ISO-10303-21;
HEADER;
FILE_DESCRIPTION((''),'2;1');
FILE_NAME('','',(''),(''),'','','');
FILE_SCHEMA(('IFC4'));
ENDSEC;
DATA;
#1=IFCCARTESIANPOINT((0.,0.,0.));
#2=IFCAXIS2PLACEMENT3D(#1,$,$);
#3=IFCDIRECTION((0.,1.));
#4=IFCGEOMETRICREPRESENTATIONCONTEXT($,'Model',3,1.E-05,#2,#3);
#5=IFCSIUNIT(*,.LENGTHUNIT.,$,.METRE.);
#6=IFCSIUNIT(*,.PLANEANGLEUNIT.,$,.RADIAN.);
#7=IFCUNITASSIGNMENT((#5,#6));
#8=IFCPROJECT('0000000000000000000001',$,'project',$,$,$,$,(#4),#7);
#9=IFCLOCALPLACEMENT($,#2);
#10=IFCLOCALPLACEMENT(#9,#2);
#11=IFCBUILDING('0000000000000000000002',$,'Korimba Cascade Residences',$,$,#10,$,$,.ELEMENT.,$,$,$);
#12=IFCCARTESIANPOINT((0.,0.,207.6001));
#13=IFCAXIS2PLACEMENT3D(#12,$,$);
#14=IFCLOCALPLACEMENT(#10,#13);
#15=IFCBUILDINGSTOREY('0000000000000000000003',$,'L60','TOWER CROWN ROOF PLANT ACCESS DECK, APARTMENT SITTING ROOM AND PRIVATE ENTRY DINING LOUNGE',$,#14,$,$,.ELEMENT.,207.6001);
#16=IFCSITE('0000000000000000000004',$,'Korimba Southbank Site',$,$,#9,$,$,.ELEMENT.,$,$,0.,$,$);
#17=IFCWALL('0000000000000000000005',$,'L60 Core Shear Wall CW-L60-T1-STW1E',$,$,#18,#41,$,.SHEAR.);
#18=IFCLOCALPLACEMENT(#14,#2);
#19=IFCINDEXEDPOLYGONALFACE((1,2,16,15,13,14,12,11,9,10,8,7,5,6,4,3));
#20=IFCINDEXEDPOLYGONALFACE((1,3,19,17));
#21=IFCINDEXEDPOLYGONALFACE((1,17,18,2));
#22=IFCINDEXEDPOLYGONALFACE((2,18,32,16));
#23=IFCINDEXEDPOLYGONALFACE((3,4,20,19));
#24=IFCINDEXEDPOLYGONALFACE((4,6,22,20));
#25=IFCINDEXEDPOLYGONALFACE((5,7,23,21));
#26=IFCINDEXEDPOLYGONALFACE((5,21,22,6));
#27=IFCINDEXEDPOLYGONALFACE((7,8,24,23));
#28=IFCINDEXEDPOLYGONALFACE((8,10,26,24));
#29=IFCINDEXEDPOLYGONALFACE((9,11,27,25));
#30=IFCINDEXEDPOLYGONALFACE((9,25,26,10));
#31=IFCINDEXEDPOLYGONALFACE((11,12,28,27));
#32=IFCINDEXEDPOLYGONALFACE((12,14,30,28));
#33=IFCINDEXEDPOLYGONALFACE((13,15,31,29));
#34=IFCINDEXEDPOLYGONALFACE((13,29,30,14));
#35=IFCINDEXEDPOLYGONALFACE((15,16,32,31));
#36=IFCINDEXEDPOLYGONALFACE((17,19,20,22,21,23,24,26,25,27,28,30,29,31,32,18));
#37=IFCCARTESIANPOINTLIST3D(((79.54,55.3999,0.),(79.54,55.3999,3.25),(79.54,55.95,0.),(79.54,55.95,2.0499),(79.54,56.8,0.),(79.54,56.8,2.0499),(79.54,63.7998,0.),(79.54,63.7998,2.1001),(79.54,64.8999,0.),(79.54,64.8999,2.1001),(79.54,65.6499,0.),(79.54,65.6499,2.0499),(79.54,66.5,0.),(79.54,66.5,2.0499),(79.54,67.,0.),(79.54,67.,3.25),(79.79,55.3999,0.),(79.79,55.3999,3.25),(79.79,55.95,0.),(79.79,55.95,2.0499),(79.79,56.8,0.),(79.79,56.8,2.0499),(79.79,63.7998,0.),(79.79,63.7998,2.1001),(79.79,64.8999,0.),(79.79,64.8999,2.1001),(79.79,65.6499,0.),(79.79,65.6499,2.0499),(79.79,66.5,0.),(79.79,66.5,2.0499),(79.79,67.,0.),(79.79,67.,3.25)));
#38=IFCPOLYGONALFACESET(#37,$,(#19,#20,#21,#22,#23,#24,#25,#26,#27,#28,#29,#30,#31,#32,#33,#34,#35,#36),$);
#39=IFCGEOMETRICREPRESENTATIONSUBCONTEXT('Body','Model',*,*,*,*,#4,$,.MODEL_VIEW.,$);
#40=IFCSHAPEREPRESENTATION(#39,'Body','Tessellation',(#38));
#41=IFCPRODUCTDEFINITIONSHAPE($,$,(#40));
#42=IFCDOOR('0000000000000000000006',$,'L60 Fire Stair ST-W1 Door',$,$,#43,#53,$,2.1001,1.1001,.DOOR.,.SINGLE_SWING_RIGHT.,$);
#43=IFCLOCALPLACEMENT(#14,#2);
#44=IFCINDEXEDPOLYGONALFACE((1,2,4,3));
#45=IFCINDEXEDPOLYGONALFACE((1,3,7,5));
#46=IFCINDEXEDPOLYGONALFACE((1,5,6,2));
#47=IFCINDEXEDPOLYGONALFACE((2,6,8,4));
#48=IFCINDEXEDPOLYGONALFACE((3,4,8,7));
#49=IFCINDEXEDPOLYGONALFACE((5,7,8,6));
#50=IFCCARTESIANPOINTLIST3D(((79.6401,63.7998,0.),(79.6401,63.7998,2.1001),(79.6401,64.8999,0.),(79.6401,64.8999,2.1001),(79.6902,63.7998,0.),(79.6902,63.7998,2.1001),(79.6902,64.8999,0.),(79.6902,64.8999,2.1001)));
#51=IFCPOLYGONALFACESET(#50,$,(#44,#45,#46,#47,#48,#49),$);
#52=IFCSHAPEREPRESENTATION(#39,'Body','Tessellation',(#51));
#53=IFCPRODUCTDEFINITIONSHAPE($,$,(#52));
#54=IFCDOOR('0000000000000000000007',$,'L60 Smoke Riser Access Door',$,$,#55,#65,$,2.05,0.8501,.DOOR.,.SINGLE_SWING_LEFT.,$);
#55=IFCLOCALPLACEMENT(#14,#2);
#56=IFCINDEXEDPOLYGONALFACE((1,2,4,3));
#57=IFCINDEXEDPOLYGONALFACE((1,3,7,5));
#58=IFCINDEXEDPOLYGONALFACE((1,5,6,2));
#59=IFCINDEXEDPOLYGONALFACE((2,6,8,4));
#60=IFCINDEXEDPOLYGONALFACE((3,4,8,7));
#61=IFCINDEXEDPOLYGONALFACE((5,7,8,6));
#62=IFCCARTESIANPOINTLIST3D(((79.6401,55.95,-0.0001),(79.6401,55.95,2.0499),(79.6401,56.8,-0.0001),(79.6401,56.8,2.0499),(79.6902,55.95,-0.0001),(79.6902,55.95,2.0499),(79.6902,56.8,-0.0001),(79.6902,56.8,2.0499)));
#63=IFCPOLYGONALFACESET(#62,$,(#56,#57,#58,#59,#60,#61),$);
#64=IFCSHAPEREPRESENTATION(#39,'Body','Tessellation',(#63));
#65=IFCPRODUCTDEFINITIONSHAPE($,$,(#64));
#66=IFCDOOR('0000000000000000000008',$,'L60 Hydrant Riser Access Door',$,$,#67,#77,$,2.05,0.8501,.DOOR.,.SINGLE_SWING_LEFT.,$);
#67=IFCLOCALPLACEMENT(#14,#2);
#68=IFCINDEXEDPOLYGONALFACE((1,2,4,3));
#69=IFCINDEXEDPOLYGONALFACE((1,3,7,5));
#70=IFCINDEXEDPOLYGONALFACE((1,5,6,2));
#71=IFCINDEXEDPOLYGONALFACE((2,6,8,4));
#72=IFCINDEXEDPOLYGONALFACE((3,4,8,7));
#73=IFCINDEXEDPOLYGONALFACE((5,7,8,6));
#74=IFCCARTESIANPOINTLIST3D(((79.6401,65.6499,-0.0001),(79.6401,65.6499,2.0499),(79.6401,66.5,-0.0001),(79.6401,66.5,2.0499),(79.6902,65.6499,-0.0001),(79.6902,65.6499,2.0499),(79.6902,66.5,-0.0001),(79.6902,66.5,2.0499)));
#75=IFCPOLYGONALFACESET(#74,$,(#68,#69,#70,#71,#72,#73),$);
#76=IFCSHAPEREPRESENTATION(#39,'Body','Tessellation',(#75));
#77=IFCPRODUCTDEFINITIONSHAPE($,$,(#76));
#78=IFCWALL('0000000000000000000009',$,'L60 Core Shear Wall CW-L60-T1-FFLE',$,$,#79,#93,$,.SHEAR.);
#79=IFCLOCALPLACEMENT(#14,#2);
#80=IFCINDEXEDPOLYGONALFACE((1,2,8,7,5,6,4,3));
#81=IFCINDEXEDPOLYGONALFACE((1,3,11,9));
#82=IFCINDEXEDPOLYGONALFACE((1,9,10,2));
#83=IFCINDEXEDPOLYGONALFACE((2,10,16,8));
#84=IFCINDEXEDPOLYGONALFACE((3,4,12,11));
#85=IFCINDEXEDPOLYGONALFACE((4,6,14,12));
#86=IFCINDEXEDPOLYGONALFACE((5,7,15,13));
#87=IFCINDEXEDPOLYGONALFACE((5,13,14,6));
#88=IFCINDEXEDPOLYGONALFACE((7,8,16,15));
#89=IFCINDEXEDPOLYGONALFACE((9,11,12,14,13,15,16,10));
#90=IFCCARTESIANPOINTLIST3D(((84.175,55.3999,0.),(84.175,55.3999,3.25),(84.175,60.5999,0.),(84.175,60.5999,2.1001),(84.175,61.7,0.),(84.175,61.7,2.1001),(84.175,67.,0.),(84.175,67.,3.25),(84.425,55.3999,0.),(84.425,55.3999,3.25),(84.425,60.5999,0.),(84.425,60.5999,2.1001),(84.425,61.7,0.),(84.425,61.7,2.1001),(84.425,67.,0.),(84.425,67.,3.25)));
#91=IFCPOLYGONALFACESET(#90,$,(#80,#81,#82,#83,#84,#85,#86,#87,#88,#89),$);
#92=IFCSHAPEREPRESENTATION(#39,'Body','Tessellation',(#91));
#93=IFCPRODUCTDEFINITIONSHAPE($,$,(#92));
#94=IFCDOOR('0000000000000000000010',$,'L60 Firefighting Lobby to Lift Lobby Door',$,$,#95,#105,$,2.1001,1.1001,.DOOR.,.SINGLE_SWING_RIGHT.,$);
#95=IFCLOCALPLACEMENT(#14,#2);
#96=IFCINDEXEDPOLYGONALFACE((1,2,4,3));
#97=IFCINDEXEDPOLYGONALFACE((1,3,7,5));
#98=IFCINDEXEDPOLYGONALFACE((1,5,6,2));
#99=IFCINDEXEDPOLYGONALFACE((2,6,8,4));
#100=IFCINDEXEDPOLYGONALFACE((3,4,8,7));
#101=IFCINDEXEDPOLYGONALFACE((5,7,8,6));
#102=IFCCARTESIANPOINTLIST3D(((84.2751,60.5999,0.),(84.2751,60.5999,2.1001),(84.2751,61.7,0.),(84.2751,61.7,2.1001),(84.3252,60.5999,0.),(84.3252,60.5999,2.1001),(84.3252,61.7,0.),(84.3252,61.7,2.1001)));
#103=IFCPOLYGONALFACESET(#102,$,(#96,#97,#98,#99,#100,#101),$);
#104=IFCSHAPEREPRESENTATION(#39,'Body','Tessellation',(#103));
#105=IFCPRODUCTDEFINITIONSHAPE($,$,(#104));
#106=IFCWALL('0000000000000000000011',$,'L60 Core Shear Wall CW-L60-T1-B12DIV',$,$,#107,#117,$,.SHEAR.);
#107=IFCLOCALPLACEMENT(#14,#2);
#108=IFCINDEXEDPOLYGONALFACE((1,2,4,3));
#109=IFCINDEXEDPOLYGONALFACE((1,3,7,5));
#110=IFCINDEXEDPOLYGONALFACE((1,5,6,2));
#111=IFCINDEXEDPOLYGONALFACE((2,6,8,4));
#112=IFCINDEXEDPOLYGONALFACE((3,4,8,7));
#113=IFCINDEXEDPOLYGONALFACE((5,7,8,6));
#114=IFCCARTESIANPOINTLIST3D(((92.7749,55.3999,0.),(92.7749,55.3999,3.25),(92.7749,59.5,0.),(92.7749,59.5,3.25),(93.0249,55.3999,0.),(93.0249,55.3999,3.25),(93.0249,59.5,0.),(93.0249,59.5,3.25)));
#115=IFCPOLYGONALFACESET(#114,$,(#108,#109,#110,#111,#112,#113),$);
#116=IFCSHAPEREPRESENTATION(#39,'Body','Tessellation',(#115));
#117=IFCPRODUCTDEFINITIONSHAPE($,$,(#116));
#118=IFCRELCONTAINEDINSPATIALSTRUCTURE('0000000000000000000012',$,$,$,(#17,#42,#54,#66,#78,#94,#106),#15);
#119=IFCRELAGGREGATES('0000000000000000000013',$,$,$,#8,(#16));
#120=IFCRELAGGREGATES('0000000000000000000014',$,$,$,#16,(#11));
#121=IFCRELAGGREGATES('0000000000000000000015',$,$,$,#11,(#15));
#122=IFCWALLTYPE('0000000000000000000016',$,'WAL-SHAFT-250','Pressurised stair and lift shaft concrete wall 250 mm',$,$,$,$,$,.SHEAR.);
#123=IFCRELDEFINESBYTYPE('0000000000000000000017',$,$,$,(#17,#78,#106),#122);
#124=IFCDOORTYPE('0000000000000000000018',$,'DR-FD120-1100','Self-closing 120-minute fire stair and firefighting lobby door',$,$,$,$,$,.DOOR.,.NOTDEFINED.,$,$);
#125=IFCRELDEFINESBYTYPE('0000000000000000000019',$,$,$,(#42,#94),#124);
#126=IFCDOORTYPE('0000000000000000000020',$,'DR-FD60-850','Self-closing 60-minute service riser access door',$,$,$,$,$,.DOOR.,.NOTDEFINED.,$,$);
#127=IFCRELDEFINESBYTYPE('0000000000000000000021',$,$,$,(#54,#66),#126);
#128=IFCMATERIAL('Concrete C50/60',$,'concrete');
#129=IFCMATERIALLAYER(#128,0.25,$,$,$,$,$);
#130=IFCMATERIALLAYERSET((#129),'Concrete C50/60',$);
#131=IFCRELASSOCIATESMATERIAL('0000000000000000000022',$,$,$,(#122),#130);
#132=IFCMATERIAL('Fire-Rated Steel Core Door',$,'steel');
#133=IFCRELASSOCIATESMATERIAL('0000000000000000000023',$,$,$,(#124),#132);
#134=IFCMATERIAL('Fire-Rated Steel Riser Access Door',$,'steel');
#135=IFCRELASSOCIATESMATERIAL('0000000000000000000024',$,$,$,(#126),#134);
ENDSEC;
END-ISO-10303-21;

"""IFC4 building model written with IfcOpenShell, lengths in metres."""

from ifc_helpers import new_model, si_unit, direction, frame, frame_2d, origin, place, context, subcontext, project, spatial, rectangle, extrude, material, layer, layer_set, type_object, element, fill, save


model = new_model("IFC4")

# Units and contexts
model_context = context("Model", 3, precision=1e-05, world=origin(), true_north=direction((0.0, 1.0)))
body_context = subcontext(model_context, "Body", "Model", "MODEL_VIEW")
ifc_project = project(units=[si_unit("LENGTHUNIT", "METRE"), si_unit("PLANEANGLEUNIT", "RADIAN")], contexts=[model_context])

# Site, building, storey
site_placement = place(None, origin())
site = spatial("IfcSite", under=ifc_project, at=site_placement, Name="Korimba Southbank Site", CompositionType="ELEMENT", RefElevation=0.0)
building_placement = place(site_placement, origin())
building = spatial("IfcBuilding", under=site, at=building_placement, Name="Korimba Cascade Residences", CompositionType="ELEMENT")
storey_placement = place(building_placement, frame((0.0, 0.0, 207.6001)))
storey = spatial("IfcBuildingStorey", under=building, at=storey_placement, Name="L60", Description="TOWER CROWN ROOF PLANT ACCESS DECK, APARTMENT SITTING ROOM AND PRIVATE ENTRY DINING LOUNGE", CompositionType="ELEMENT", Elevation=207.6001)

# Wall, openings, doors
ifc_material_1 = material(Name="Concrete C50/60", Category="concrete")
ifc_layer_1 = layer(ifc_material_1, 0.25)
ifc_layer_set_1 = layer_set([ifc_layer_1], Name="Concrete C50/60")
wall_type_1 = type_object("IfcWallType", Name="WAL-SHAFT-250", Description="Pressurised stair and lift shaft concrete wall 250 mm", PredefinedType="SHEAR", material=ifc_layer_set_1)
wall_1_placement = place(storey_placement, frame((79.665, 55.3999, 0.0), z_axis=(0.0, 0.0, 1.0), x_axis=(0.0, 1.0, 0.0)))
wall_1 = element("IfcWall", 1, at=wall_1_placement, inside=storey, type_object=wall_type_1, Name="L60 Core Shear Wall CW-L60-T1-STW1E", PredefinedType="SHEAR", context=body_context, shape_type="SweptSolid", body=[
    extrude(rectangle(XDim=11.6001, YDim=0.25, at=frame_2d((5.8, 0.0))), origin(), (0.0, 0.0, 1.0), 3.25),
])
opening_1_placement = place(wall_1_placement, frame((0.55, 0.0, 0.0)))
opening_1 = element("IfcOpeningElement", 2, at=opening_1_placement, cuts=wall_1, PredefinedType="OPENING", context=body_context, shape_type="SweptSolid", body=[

Work to be completed:
Set the material down exactly as written, starting at its first line. The line containing "#35=IFCINDEXEDPOLYGONALFACE((15,16,32,31));" is the last one to include.

Result for this exercise:
ISO-10303-21;
HEADER;
FILE_DESCRIPTION((''),'2;1');
FILE_NAME('','',(''),(''),'','','');
FILE_SCHEMA(('IFC4'));
ENDSEC;
DATA;
#1=IFCCARTESIANPOINT((0.,0.,0.));
#2=IFCAXIS2PLACEMENT3D(#1,$,$);
#3=IFCDIRECTION((0.,1.));
#4=IFCGEOMETRICREPRESENTATIONCONTEXT($,'Model',3,1.E-05,#2,#3);
#5=IFCSIUNIT(*,.LENGTHUNIT.,$,.METRE.);
#6=IFCSIUNIT(*,.PLANEANGLEUNIT.,$,.RADIAN.);
#7=IFCUNITASSIGNMENT((#5,#6));
#8=IFCPROJECT('0000000000000000000001',$,'project',$,$,$,$,(#4),#7);
#9=IFCLOCALPLACEMENT($,#2);
#10=IFCLOCALPLACEMENT(#9,#2);
#11=IFCBUILDING('0000000000000000000002',$,'Korimba Cascade Residences',$,$,#10,$,$,.ELEMENT.,$,$,$);
#12=IFCCARTESIANPOINT((0.,0.,207.6001));
#13=IFCAXIS2PLACEMENT3D(#12,$,$);
#14=IFCLOCALPLACEMENT(#10,#13);
#15=IFCBUILDINGSTOREY('0000000000000000000003',$,'L60','TOWER CROWN ROOF PLANT ACCESS DECK, APARTMENT SITTING ROOM AND PRIVATE ENTRY DINING LOUNGE',$,#14,$,$,.ELEMENT.,207.6001);
#16=IFCSITE('0000000000000000000004',$,'Korimba Southbank Site',$,$,#9,$,$,.ELEMENT.,$,$,0.,$,$);
#17=IFCWALL('0000000000000000000005',$,'L60 Core Shear Wall CW-L60-T1-STW1E',$,$,#18,#41,$,.SHEAR.);
#18=IFCLOCALPLACEMENT(#14,#2);
#19=IFCINDEXEDPOLYGONALFACE((1,2,16,15,13,14,12,11,9,10,8,7,5,6,4,3));
#20=IFCINDEXEDPOLYGONALFACE((1,3,19,17));
#21=IFCINDEXEDPOLYGONALFACE((1,17,18,2));
#22=IFCINDEXEDPOLYGONALFACE((2,18,32,16));
#23=IFCINDEXEDPOLYGONALFACE((3,4,20,19));
#24=IFCINDEXEDPOLYGONALFACE((4,6,22,20));
#25=IFCINDEXEDPOLYGONALFACE((5,7,23,21));
#26=IFCINDEXEDPOLYGONALFACE((5,21,22,6));
#27=IFCINDEXEDPOLYGONALFACE((7,8,24,23));
#28=IFCINDEXEDPOLYGONALFACE((8,10,26,24));
#29=IFCINDEXEDPOLYGONALFACE((9,11,27,25));
#30=IFCINDEXEDPOLYGONALFACE((9,25,26,10));
#31=IFCINDEXEDPOLYGONALFACE((11,12,28,27));
#32=IFCINDEXEDPOLYGONALFACE((12,14,30,28));
#33=IFCINDEXEDPOLYGONALFACE((13,15,31,29));
#34=IFCINDEXEDPOLYGONALFACE((13,29,30,14));
#35=IFCINDEXEDPOLYGONALFACE((15,16,32,31));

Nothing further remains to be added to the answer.